━━━━━ Data listing ━━━━━

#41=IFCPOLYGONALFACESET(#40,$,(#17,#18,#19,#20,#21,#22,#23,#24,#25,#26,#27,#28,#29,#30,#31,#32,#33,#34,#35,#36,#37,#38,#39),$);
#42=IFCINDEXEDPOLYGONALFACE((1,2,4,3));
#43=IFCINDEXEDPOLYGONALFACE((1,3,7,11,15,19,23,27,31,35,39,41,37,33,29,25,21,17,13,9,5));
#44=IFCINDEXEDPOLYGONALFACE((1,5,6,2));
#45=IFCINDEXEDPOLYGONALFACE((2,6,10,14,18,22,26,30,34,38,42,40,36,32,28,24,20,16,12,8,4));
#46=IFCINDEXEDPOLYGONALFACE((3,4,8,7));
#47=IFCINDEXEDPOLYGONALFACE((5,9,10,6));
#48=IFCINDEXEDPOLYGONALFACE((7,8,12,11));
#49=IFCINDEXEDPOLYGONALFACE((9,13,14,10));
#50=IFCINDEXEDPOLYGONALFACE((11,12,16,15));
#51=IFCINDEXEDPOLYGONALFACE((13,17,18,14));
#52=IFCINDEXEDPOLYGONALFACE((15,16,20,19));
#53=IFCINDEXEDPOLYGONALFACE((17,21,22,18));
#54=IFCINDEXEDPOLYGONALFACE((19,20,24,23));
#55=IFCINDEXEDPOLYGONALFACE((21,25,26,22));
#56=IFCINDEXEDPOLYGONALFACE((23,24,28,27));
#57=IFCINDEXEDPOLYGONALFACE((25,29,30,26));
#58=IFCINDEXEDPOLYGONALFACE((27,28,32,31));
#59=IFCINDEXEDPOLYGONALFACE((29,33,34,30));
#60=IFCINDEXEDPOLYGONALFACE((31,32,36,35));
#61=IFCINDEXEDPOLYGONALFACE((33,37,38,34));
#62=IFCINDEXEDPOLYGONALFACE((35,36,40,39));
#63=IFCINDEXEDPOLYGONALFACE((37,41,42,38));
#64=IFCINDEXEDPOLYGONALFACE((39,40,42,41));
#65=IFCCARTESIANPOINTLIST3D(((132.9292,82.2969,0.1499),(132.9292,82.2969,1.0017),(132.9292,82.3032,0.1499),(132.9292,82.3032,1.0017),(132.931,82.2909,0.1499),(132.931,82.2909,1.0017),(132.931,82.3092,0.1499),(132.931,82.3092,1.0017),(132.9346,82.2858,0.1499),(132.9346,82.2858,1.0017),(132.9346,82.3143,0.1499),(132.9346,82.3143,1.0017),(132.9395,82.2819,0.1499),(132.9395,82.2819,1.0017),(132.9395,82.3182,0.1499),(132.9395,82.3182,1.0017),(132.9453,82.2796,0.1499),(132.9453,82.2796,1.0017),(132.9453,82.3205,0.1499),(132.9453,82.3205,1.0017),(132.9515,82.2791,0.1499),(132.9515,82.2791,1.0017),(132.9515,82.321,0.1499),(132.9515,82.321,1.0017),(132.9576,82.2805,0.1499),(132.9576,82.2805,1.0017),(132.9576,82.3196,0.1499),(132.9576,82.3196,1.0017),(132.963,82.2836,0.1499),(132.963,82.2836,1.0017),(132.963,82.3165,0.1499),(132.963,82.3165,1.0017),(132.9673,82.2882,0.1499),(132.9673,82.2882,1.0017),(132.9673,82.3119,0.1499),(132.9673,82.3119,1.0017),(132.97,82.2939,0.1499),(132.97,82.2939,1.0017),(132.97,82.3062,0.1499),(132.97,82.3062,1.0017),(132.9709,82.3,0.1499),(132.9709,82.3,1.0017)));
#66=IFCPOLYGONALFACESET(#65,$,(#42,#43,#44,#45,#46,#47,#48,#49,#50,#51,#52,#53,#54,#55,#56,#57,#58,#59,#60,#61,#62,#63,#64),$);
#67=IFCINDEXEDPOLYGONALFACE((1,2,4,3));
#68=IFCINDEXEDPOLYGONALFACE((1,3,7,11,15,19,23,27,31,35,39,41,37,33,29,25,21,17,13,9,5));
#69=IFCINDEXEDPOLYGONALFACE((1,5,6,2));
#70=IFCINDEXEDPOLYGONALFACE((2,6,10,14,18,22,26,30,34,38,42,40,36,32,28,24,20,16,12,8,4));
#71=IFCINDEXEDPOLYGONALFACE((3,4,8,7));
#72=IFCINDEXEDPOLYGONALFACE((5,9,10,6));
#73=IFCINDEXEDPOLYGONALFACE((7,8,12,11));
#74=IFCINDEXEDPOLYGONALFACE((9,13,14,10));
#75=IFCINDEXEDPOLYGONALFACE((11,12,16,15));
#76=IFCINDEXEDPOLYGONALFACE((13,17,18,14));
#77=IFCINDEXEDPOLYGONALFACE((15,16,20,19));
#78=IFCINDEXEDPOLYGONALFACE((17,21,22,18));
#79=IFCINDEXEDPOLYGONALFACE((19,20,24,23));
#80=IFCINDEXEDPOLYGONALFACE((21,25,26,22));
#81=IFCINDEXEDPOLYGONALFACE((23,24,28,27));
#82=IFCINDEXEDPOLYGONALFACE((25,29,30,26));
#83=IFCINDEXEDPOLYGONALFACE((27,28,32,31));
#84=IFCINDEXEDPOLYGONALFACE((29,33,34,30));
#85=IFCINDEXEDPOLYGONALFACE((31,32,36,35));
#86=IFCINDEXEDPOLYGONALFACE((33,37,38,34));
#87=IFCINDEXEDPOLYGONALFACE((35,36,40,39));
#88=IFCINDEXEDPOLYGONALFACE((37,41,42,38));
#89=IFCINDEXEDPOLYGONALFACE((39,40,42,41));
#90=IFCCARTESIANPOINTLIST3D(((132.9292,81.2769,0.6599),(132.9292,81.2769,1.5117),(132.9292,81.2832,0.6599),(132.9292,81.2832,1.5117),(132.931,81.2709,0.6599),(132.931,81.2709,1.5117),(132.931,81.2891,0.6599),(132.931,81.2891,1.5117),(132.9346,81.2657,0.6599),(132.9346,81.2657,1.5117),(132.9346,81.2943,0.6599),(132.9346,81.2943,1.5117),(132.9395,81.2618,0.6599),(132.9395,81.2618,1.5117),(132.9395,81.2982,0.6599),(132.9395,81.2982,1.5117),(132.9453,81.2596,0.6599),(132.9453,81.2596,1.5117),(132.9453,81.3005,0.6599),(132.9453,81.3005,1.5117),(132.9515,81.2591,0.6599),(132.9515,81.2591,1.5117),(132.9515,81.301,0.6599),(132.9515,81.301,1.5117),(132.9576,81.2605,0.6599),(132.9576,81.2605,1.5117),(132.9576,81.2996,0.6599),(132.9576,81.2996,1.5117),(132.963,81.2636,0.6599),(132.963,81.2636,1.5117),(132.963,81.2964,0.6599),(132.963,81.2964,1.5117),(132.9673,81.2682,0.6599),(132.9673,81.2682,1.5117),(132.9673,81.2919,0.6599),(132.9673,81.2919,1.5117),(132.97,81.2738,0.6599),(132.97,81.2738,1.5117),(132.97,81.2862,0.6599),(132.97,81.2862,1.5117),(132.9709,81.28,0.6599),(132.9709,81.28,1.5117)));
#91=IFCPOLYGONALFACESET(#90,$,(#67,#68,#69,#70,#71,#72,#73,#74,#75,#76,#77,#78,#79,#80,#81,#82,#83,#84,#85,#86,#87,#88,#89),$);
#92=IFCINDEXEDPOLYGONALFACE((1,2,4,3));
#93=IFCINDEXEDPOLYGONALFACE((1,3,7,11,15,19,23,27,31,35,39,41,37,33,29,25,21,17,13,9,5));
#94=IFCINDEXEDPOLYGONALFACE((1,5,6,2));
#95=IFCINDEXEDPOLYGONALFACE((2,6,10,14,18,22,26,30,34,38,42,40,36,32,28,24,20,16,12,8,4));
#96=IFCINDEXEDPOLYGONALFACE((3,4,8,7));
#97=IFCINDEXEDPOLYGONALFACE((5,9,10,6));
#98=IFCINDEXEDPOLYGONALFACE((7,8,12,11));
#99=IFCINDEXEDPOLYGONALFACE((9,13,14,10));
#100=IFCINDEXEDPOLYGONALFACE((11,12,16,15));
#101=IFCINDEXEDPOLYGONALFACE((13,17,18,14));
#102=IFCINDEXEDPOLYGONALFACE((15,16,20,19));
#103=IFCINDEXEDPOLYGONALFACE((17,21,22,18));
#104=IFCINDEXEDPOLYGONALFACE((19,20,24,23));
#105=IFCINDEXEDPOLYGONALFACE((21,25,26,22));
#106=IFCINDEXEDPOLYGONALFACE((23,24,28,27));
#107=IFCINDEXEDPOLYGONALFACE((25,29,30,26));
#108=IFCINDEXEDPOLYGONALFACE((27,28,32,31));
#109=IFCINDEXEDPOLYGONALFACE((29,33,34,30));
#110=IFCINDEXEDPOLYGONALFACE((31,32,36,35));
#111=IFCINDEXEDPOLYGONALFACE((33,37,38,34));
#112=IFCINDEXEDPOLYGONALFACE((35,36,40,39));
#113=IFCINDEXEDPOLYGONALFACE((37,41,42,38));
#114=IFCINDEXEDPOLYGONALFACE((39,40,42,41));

━━━━━

Look through the entries above and quote exactly the lines from the line with "#63=IFCINDEXEDPOLYGONALFACE((37,41,42,38));" to the line with "#64=IFCINDEXEDPOLYGONALFACE((39,40,42,41));", counting both of those lines.

#63=IFCINDEXEDPOLYGONALFACE((37,41,42,38));
#64=IFCINDEXEDPOLYGONALFACE((39,40,42,41));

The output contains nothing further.